- [Work to complete]:
The lines to find are those in the entries that hold the word "writes"; copy every one of them.

Stored data
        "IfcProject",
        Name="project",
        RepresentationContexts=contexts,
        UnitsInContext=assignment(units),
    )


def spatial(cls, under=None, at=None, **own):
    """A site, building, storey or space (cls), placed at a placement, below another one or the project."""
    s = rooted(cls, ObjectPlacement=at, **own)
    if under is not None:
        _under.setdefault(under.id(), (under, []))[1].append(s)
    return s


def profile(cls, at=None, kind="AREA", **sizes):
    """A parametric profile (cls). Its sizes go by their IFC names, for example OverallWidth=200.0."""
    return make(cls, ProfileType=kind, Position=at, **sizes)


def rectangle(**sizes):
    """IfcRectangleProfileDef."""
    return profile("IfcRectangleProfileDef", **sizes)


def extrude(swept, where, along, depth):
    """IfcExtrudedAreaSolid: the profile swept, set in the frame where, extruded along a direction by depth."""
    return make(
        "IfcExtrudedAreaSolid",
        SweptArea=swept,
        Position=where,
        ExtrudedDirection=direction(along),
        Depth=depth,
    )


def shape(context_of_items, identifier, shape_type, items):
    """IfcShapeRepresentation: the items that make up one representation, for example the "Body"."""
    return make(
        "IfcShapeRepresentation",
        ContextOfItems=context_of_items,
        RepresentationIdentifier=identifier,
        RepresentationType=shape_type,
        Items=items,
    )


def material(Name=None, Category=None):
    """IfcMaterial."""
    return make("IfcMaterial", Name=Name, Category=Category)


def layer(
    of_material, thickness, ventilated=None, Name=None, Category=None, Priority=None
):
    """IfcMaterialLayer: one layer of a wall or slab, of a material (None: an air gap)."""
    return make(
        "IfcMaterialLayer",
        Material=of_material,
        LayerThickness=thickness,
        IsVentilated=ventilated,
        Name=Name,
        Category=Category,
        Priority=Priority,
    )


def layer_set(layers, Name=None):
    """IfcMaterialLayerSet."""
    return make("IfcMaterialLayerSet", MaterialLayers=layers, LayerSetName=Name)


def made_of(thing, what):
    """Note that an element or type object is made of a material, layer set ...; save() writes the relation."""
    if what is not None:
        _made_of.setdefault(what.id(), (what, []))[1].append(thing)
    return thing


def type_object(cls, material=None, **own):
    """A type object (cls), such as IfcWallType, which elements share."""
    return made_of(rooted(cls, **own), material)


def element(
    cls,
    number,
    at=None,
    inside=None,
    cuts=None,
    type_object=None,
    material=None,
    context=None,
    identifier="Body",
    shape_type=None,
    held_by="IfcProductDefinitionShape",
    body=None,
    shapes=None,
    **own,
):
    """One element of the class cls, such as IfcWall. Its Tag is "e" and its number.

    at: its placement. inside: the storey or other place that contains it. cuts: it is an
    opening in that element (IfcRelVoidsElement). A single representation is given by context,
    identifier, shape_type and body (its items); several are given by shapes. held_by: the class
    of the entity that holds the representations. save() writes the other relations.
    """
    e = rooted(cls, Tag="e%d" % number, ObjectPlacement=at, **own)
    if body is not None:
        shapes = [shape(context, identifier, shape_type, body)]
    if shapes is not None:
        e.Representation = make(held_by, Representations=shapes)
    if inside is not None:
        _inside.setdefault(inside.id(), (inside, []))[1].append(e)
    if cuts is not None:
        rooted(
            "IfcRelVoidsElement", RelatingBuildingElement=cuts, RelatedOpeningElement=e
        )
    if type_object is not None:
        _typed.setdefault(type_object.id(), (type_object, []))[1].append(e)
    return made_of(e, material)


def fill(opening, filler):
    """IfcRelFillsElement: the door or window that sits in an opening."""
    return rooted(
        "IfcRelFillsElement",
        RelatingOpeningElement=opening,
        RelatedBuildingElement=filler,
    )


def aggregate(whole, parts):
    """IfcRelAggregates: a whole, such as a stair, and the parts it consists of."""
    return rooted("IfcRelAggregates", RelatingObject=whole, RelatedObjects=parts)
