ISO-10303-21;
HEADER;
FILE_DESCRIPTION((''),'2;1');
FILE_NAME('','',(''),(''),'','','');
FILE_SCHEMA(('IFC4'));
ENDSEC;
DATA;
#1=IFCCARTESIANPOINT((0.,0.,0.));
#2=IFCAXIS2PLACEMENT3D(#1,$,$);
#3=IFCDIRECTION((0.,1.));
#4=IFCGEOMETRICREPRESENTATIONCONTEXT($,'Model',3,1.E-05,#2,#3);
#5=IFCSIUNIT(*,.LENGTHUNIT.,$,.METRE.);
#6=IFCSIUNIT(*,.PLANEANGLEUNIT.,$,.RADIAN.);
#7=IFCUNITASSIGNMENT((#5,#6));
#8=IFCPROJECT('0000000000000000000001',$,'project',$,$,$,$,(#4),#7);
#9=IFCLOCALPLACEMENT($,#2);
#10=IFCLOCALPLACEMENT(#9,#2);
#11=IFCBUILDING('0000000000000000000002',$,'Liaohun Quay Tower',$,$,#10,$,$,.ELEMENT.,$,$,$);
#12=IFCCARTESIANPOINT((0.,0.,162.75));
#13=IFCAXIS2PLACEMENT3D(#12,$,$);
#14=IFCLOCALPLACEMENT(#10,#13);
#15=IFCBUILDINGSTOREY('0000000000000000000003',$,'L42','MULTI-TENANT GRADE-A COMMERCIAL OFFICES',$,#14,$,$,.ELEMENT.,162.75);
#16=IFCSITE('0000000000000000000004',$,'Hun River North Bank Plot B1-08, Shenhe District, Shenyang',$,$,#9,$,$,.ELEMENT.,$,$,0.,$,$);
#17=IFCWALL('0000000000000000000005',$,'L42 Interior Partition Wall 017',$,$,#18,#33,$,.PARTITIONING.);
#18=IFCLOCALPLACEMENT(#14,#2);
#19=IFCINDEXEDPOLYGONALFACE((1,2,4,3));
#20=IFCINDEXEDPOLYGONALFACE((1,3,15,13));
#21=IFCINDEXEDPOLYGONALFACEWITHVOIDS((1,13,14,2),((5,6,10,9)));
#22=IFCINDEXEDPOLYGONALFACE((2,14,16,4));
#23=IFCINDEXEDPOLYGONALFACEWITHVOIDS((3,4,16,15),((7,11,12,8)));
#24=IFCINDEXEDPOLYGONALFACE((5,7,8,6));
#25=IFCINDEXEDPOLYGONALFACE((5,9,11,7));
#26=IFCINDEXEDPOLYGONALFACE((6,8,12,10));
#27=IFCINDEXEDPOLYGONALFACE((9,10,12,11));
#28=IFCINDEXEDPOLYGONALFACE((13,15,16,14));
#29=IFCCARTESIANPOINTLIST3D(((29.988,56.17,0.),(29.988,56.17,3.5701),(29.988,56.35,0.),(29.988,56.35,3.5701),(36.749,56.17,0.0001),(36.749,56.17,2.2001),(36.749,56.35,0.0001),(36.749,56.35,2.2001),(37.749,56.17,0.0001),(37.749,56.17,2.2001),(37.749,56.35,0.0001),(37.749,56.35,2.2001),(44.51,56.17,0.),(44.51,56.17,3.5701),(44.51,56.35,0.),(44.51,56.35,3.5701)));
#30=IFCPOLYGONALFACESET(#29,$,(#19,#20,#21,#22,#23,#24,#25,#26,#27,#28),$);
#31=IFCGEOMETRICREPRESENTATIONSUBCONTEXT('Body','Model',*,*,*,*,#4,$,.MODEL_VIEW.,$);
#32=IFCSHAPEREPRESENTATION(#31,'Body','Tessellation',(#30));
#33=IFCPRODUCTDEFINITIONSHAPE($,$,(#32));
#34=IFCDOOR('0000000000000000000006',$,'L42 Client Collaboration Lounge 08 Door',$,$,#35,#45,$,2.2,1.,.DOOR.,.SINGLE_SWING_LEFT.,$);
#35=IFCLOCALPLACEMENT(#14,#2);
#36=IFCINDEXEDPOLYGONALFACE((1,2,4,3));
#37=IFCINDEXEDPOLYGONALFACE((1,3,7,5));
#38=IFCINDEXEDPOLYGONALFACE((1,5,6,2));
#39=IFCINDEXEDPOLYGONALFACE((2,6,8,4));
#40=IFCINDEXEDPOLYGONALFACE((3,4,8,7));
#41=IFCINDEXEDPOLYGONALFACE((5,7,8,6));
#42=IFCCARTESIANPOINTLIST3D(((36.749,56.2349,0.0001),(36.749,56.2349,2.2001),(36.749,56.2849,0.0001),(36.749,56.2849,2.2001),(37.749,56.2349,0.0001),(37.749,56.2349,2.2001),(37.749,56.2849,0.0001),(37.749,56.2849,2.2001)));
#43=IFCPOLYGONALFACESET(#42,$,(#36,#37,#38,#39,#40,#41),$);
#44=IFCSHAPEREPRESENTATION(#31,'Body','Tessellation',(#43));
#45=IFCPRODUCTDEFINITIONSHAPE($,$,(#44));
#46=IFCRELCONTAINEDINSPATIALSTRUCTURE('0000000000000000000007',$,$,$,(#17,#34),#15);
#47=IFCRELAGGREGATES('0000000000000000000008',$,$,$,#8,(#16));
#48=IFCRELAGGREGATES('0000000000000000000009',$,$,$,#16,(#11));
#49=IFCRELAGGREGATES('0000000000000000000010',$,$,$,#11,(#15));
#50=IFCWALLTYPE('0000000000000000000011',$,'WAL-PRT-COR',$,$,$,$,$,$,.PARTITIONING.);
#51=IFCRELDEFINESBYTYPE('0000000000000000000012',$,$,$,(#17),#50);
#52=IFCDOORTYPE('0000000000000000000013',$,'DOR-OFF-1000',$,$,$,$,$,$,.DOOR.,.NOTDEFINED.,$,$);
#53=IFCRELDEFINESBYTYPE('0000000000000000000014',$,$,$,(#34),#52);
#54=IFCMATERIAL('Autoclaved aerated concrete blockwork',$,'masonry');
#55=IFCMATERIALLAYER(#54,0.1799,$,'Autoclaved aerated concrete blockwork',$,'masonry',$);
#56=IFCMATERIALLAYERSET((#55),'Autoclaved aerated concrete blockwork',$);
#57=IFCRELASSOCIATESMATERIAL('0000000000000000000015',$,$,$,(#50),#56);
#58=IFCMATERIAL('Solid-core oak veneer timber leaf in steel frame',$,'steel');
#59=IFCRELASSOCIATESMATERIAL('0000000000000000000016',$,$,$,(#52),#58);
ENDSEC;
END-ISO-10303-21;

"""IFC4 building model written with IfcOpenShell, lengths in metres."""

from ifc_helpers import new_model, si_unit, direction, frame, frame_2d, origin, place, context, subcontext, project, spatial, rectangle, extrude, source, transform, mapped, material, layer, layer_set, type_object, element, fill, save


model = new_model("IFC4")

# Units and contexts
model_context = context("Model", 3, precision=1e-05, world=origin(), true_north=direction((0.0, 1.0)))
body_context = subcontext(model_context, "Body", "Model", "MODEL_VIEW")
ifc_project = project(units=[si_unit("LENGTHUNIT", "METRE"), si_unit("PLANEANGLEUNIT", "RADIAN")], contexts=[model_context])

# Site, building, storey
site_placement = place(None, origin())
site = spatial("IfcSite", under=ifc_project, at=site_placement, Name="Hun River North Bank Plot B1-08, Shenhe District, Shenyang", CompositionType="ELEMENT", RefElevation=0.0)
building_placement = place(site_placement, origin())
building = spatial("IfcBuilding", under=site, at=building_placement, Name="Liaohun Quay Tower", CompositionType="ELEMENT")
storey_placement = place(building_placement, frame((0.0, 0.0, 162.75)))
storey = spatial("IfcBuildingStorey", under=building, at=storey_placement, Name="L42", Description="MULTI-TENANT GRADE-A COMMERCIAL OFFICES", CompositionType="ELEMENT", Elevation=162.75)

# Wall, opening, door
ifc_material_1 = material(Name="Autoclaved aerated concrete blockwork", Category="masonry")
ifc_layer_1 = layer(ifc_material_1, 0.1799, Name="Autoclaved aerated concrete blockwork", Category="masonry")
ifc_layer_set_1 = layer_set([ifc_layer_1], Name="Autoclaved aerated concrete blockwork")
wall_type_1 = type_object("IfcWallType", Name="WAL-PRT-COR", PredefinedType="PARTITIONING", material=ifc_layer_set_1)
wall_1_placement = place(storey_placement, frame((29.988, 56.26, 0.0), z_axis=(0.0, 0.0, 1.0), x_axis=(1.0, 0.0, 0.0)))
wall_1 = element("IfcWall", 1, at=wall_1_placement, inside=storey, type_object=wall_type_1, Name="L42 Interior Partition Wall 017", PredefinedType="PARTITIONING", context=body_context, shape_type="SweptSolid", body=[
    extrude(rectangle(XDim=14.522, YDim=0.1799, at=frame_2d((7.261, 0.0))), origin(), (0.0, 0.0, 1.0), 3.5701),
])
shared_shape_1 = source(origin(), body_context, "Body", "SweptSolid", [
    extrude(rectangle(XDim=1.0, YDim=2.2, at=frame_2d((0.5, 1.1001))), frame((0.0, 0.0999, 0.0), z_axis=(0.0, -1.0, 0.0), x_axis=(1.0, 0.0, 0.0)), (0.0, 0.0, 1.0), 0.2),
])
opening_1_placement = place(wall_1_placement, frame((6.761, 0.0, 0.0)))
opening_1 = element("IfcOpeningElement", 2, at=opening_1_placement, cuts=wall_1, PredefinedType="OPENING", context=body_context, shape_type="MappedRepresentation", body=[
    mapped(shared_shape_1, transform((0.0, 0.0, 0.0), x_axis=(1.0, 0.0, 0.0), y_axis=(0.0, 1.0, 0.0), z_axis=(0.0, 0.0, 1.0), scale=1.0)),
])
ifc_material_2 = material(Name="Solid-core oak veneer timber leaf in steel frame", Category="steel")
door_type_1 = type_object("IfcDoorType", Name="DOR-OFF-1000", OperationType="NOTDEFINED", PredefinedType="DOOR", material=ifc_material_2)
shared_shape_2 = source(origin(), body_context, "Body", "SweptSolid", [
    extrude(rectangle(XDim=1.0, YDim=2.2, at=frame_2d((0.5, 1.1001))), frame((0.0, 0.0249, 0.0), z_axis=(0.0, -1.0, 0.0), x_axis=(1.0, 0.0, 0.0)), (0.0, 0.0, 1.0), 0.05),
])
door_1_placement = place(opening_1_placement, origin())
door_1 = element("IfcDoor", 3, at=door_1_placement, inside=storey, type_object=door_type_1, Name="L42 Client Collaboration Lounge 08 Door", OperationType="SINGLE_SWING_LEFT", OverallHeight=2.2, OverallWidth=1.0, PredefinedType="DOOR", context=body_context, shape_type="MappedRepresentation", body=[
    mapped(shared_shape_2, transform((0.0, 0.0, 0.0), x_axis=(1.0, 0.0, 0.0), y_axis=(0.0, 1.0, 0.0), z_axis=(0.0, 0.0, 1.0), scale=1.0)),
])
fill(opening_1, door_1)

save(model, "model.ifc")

- [Exercise output]:
    """Note that an element or type object is made of a material, layer set ...; save() writes the relation."""
    of the entity that holds the representations. save() writes the other relations.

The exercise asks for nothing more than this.